§ **Work order**: Retype each line below precisely.

=== Section Start ===

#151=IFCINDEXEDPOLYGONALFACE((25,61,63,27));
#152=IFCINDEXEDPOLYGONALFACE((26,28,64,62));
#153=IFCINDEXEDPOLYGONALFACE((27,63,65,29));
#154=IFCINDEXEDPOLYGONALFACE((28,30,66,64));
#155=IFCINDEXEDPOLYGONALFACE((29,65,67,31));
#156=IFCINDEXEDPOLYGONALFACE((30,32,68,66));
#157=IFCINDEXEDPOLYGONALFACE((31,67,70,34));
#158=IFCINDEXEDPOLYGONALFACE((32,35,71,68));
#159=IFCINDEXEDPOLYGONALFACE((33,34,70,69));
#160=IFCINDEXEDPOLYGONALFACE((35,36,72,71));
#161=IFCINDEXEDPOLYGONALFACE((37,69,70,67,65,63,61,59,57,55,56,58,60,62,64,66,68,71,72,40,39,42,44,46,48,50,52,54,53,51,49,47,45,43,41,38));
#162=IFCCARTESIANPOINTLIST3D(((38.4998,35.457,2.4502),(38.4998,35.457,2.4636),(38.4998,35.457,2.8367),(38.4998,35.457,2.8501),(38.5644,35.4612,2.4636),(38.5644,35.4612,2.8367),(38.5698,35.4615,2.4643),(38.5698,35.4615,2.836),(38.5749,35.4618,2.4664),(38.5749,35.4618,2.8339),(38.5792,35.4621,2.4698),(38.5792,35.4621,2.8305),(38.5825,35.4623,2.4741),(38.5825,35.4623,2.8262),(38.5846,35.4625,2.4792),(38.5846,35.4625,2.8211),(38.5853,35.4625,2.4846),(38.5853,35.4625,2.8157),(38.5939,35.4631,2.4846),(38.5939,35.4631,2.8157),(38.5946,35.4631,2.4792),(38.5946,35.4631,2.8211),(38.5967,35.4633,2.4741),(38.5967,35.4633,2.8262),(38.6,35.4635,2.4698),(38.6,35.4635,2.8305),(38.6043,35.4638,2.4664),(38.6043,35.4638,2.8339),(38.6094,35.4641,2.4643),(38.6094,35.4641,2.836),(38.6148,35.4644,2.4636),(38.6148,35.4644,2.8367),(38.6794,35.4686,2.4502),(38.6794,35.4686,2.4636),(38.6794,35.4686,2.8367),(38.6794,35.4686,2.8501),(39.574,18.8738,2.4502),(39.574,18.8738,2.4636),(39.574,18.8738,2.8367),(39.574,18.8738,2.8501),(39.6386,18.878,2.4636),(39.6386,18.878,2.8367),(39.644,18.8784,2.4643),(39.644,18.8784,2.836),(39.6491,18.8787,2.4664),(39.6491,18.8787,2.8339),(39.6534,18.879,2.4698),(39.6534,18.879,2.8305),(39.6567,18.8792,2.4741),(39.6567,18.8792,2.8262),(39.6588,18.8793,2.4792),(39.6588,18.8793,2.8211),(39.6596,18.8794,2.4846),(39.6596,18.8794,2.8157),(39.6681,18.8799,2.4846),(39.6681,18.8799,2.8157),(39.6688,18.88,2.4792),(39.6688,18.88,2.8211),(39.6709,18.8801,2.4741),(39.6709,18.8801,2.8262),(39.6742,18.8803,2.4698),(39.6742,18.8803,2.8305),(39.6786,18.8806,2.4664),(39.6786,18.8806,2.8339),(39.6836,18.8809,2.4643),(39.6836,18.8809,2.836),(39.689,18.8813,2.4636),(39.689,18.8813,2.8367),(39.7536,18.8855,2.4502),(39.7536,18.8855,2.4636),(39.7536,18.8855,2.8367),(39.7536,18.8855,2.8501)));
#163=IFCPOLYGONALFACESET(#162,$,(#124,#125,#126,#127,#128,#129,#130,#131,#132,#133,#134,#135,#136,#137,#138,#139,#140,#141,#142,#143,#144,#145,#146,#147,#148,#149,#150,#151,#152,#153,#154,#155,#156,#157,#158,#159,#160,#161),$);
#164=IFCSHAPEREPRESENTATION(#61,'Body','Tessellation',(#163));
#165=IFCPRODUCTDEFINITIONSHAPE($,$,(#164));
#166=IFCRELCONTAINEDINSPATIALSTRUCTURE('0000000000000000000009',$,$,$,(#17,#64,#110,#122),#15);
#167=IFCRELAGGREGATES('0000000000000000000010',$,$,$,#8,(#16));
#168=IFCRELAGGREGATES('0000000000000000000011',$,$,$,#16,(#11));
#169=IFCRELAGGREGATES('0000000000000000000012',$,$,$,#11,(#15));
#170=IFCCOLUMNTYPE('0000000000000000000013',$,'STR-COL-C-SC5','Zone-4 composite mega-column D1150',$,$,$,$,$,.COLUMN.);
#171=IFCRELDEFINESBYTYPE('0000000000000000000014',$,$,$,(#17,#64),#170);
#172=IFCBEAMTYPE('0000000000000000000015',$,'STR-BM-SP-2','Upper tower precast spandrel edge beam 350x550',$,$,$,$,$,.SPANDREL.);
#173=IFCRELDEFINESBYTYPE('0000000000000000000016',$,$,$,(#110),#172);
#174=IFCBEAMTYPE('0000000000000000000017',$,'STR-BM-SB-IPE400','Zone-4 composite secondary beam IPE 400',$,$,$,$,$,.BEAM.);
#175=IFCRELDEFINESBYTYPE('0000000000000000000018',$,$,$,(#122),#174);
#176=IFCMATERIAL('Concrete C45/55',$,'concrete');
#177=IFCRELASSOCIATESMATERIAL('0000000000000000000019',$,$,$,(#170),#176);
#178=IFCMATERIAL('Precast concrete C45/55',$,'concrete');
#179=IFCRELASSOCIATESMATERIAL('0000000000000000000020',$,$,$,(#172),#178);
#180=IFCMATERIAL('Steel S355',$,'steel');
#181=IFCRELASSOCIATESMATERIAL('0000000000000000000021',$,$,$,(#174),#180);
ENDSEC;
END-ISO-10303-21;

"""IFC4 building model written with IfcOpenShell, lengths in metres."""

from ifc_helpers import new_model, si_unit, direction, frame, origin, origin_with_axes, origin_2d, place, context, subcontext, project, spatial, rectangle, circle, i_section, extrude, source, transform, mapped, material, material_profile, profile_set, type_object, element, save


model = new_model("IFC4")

=== Section End ===

§ **Exercise result**:
#151=IFCINDEXEDPOLYGONALFACE((25,61,63,27));
#152=IFCINDEXEDPOLYGONALFACE((26,28,64,62));
#153=IFCINDEXEDPOLYGONALFACE((27,63,65,29));
#154=IFCINDEXEDPOLYGONALFACE((28,30,66,64));
#155=IFCINDEXEDPOLYGONALFACE((29,65,67,31));
#156=IFCINDEXEDPOLYGONALFACE((30,32,68,66));
#157=IFCINDEXEDPOLYGONALFACE((31,67,70,34));
#158=IFCINDEXEDPOLYGONALFACE((32,35,71,68));
#159=IFCINDEXEDPOLYGONALFACE((33,34,70,69));
#160=IFCINDEXEDPOLYGONALFACE((35,36,72,71));
#161=IFCINDEXEDPOLYGONALFACE((37,69,70,67,65,63,61,59,57,55,56,58,60,62,64,66,68,71,72,40,39,42,44,46,48,50,52,54,53,51,49,47,45,43,41,38));
#162=IFCCARTESIANPOINTLIST3D(((38.4998,35.457,2.4502),(38.4998,35.457,2.4636),(38.4998,35.457,2.8367),(38.4998,35.457,2.8501),(38.5644,35.4612,2.4636),(38.5644,35.4612,2.8367),(38.5698,35.4615,2.4643),(38.5698,35.4615,2.836),(38.5749,35.4618,2.4664),(38.5749,35.4618,2.8339),(38.5792,35.4621,2.4698),(38.5792,35.4621,2.8305),(38.5825,35.4623,2.4741),(38.5825,35.4623,2.8262),(38.5846,35.4625,2.4792),(38.5846,35.4625,2.8211),(38.5853,35.4625,2.4846),(38.5853,35.4625,2.8157),(38.5939,35.4631,2.4846),(38.5939,35.4631,2.8157),(38.5946,35.4631,2.4792),(38.5946,35.4631,2.8211),(38.5967,35.4633,2.4741),(38.5967,35.4633,2.8262),(38.6,35.4635,2.4698),(38.6,35.4635,2.8305),(38.6043,35.4638,2.4664),(38.6043,35.4638,2.8339),(38.6094,35.4641,2.4643),(38.6094,35.4641,2.836),(38.6148,35.4644,2.4636),(38.6148,35.4644,2.8367),(38.6794,35.4686,2.4502),(38.6794,35.4686,2.4636),(38.6794,35.4686,2.8367),(38.6794,35.4686,2.8501),(39.574,18.8738,2.4502),(39.574,18.8738,2.4636),(39.574,18.8738,2.8367),(39.574,18.8738,2.8501),(39.6386,18.878,2.4636),(39.6386,18.878,2.8367),(39.644,18.8784,2.4643),(39.644,18.8784,2.836),(39.6491,18.8787,2.4664),(39.6491,18.8787,2.8339),(39.6534,18.879,2.4698),(39.6534,18.879,2.8305),(39.6567,18.8792,2.4741),(39.6567,18.8792,2.8262),(39.6588,18.8793,2.4792),(39.6588,18.8793,2.8211),(39.6596,18.8794,2.4846),(39.6596,18.8794,2.8157),(39.6681,18.8799,2.4846),(39.6681,18.8799,2.8157),(39.6688,18.88,2.4792),(39.6688,18.88,2.8211),(39.6709,18.8801,2.4741),(39.6709,18.8801,2.8262),(39.6742,18.8803,2.4698),(39.6742,18.8803,2.8305),(39.6786,18.8806,2.4664),(39.6786,18.8806,2.8339),(39.6836,18.8809,2.4643),(39.6836,18.8809,2.836),(39.689,18.8813,2.4636),(39.689,18.8813,2.8367),(39.7536,18.8855,2.4502),(39.7536,18.8855,2.4636),(39.7536,18.8855,2.8367),(39.7536,18.8855,2.8501)));
#163=IFCPOLYGONALFACESET(#162,$,(#124,#125,#126,#127,#128,#129,#130,#131,#132,#133,#134,#135,#136,#137,#138,#139,#140,#141,#142,#143,#144,#145,#146,#147,#148,#149,#150,#151,#152,#153,#154,#155,#156,#157,#158,#159,#160,#161),$);
#164=IFCSHAPEREPRESENTATION(#61,'Body','Tessellation',(#163));
#165=IFCPRODUCTDEFINITIONSHAPE($,$,(#164));
#166=IFCRELCONTAINEDINSPATIALSTRUCTURE('0000000000000000000009',$,$,$,(#17,#64,#110,#122),#15);
#167=IFCRELAGGREGATES('0000000000000000000010',$,$,$,#8,(#16));
#168=IFCRELAGGREGATES('0000000000000000000011',$,$,$,#16,(#11));
#169=IFCRELAGGREGATES('0000000000000000000012',$,$,$,#11,(#15));
#170=IFCCOLUMNTYPE('0000000000000000000013',$,'STR-COL-C-SC5','Zone-4 composite mega-column D1150',$,$,$,$,$,.COLUMN.);
#171=IFCRELDEFINESBYTYPE('0000000000000000000014',$,$,$,(#17,#64),#170);
#172=IFCBEAMTYPE('0000000000000000000015',$,'STR-BM-SP-2','Upper tower precast spandrel edge beam 350x550',$,$,$,$,$,.SPANDREL.);
#173=IFCRELDEFINESBYTYPE('0000000000000000000016',$,$,$,(#110),#172);
#174=IFCBEAMTYPE('0000000000000000000017',$,'STR-BM-SB-IPE400','Zone-4 composite secondary beam IPE 400',$,$,$,$,$,.BEAM.);
#175=IFCRELDEFINESBYTYPE('0000000000000000000018',$,$,$,(#122),#174);
#176=IFCMATERIAL('Concrete C45/55',$,'concrete');
#177=IFCRELASSOCIATESMATERIAL('0000000000000000000019',$,$,$,(#170),#176);
#178=IFCMATERIAL('Precast concrete C45/55',$,'concrete');
#179=IFCRELASSOCIATESMATERIAL('0000000000000000000020',$,$,$,(#172),#178);
#180=IFCMATERIAL('Steel S355',$,'steel');
#181=IFCRELASSOCIATESMATERIAL('0000000000000000000021',$,$,$,(#174),#180);
ENDSEC;
END-ISO-10303-21;

"""IFC4 building model written with IfcOpenShell, lengths in metres."""

from ifc_helpers import new_model, si_unit, direction, frame, origin, origin_with_axes, origin_2d, place, context, subcontext, project, spatial, rectangle, circle, i_section, extrude, source, transform, mapped, material, material_profile, profile_set, type_object, element, save


model = new_model("IFC4")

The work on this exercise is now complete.